» Activity
Whatever the records say, repeat them exactly as given.

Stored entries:

..........

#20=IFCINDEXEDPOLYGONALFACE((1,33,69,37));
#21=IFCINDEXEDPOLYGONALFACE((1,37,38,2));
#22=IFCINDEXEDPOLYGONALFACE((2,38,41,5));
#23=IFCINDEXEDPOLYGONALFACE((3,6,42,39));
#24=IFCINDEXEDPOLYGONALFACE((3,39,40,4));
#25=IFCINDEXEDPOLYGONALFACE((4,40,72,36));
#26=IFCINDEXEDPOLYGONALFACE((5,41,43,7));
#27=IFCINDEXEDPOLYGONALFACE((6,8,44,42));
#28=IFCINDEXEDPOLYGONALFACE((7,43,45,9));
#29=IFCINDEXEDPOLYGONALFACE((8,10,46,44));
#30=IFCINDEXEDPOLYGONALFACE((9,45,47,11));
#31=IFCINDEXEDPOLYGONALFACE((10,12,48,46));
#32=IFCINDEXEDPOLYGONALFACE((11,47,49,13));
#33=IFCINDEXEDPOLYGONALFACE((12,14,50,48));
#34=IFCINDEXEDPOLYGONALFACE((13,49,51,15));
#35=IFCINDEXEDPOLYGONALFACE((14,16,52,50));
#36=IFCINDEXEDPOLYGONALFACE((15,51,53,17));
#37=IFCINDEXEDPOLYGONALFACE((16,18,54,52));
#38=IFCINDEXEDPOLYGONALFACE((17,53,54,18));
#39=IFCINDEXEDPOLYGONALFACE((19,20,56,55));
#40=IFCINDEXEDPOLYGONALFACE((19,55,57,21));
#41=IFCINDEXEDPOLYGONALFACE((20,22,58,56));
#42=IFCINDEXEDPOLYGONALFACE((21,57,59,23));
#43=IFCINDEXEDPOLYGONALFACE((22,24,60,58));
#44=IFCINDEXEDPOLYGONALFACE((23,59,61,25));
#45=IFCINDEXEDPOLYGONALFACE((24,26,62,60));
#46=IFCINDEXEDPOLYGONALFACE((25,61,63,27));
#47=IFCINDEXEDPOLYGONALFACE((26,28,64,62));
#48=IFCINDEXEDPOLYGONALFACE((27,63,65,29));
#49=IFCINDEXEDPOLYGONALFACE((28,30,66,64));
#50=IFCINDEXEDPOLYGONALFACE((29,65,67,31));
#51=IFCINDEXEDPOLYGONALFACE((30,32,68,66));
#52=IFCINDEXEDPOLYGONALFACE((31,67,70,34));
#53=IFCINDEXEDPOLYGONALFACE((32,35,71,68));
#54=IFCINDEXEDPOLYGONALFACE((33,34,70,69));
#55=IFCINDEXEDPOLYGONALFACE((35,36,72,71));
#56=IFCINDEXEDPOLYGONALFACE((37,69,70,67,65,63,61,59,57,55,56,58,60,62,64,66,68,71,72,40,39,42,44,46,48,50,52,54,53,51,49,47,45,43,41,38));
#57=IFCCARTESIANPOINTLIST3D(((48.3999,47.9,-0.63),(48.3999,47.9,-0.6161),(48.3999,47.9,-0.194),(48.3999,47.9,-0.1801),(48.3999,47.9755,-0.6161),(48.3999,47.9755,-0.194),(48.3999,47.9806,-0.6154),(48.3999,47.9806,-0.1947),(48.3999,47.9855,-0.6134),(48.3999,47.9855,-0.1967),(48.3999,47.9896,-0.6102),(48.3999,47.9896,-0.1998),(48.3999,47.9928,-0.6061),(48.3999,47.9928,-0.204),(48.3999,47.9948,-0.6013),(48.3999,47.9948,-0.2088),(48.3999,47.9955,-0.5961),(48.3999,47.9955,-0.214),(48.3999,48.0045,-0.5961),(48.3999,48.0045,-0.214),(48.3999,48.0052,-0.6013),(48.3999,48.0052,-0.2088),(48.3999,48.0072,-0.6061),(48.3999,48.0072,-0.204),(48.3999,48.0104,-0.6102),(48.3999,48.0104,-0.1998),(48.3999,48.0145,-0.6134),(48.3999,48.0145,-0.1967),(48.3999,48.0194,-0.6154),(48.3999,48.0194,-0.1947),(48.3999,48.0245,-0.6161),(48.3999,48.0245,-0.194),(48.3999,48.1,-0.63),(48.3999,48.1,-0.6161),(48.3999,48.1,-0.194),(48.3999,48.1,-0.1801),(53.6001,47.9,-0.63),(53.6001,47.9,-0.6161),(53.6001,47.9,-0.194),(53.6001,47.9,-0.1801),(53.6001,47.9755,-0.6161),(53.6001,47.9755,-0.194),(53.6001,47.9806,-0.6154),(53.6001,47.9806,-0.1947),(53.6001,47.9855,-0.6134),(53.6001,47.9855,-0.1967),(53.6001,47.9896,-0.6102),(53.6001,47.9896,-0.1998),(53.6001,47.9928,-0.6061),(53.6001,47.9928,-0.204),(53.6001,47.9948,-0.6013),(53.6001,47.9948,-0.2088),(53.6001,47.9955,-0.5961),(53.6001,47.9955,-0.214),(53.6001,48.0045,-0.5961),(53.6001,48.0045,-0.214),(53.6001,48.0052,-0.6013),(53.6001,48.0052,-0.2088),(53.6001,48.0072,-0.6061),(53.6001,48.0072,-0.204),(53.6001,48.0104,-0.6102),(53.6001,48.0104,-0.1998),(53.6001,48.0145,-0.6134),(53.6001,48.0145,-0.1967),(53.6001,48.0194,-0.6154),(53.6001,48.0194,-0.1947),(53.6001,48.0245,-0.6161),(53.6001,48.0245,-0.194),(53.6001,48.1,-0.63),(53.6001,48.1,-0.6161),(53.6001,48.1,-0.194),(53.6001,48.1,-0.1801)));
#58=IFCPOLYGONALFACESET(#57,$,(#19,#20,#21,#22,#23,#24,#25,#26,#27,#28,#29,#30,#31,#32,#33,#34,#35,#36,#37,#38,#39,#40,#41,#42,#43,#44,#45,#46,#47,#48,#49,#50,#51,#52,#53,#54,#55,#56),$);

..........

» Finished task
#20=IFCINDEXEDPOLYGONALFACE((1,33,69,37));
#21=IFCINDEXEDPOLYGONALFACE((1,37,38,2));
#22=IFCINDEXEDPOLYGONALFACE((2,38,41,5));
#23=IFCINDEXEDPOLYGONALFACE((3,6,42,39));
#24=IFCINDEXEDPOLYGONALFACE((3,39,40,4));
#25=IFCINDEXEDPOLYGONALFACE((4,40,72,36));
#26=IFCINDEXEDPOLYGONALFACE((5,41,43,7));
#27=IFCINDEXEDPOLYGONALFACE((6,8,44,42));
#28=IFCINDEXEDPOLYGONALFACE((7,43,45,9));
#29=IFCINDEXEDPOLYGONALFACE((8,10,46,44));
#30=IFCINDEXEDPOLYGONALFACE((9,45,47,11));
#31=IFCINDEXEDPOLYGONALFACE((10,12,48,46));
#32=IFCINDEXEDPOLYGONALFACE((11,47,49,13));
#33=IFCINDEXEDPOLYGONALFACE((12,14,50,48));
#34=IFCINDEXEDPOLYGONALFACE((13,49,51,15));
#35=IFCINDEXEDPOLYGONALFACE((14,16,52,50));
#36=IFCINDEXEDPOLYGONALFACE((15,51,53,17));
#37=IFCINDEXEDPOLYGONALFACE((16,18,54,52));
#38=IFCINDEXEDPOLYGONALFACE((17,53,54,18));
#39=IFCINDEXEDPOLYGONALFACE((19,20,56,55));
#40=IFCINDEXEDPOLYGONALFACE((19,55,57,21));
#41=IFCINDEXEDPOLYGONALFACE((20,22,58,56));
#42=IFCINDEXEDPOLYGONALFACE((21,57,59,23));
#43=IFCINDEXEDPOLYGONALFACE((22,24,60,58));
#44=IFCINDEXEDPOLYGONALFACE((23,59,61,25));
#45=IFCINDEXEDPOLYGONALFACE((24,26,62,60));
#46=IFCINDEXEDPOLYGONALFACE((25,61,63,27));
#47=IFCINDEXEDPOLYGONALFACE((26,28,64,62));
#48=IFCINDEXEDPOLYGONALFACE((27,63,65,29));
#49=IFCINDEXEDPOLYGONALFACE((28,30,66,64));
#50=IFCINDEXEDPOLYGONALFACE((29,65,67,31));
#51=IFCINDEXEDPOLYGONALFACE((30,32,68,66));
#52=IFCINDEXEDPOLYGONALFACE((31,67,70,34));
#53=IFCINDEXEDPOLYGONALFACE((32,35,71,68));
#54=IFCINDEXEDPOLYGONALFACE((33,34,70,69));
#55=IFCINDEXEDPOLYGONALFACE((35,36,72,71));
#56=IFCINDEXEDPOLYGONALFACE((37,69,70,67,65,63,61,59,57,55,56,58,60,62,64,66,68,71,72,40,39,42,44,46,48,50,52,54,53,51,49,47,45,43,41,38));
#57=IFCCARTESIANPOINTLIST3D(((48.3999,47.9,-0.63),(48.3999,47.9,-0.6161),(48.3999,47.9,-0.194),(48.3999,47.9,-0.1801),(48.3999,47.9755,-0.6161),(48.3999,47.9755,-0.194),(48.3999,47.9806,-0.6154),(48.3999,47.9806,-0.1947),(48.3999,47.9855,-0.6134),(48.3999,47.9855,-0.1967),(48.3999,47.9896,-0.6102),(48.3999,47.9896,-0.1998),(48.3999,47.9928,-0.6061),(48.3999,47.9928,-0.204),(48.3999,47.9948,-0.6013),(48.3999,47.9948,-0.2088),(48.3999,47.9955,-0.5961),(48.3999,47.9955,-0.214),(48.3999,48.0045,-0.5961),(48.3999,48.0045,-0.214),(48.3999,48.0052,-0.6013),(48.3999,48.0052,-0.2088),(48.3999,48.0072,-0.6061),(48.3999,48.0072,-0.204),(48.3999,48.0104,-0.6102),(48.3999,48.0104,-0.1998),(48.3999,48.0145,-0.6134),(48.3999,48.0145,-0.1967),(48.3999,48.0194,-0.6154),(48.3999,48.0194,-0.1947),(48.3999,48.0245,-0.6161),(48.3999,48.0245,-0.194),(48.3999,48.1,-0.63),(48.3999,48.1,-0.6161),(48.3999,48.1,-0.194),(48.3999,48.1,-0.1801),(53.6001,47.9,-0.63),(53.6001,47.9,-0.6161),(53.6001,47.9,-0.194),(53.6001,47.9,-0.1801),(53.6001,47.9755,-0.6161),(53.6001,47.9755,-0.194),(53.6001,47.9806,-0.6154),(53.6001,47.9806,-0.1947),(53.6001,47.9855,-0.6134),(53.6001,47.9855,-0.1967),(53.6001,47.9896,-0.6102),(53.6001,47.9896,-0.1998),(53.6001,47.9928,-0.6061),(53.6001,47.9928,-0.204),(53.6001,47.9948,-0.6013),(53.6001,47.9948,-0.2088),(53.6001,47.9955,-0.5961),(53.6001,47.9955,-0.214),(53.6001,48.0045,-0.5961),(53.6001,48.0045,-0.214),(53.6001,48.0052,-0.6013),(53.6001,48.0052,-0.2088),(53.6001,48.0072,-0.6061),(53.6001,48.0072,-0.204),(53.6001,48.0104,-0.6102),(53.6001,48.0104,-0.1998),(53.6001,48.0145,-0.6134),(53.6001,48.0145,-0.1967),(53.6001,48.0194,-0.6154),(53.6001,48.0194,-0.1947),(53.6001,48.0245,-0.6161),(53.6001,48.0245,-0.194),(53.6001,48.1,-0.63),(53.6001,48.1,-0.6161),(53.6001,48.1,-0.194),(53.6001,48.1,-0.1801)));
#58=IFCPOLYGONALFACESET(#57,$,(#19,#20,#21,#22,#23,#24,#25,#26,#27,#28,#29,#30,#31,#32,#33,#34,#35,#36,#37,#38,#39,#40,#41,#42,#43,#44,#45,#46,#47,#48,#49,#50,#51,#52,#53,#54,#55,#56),$);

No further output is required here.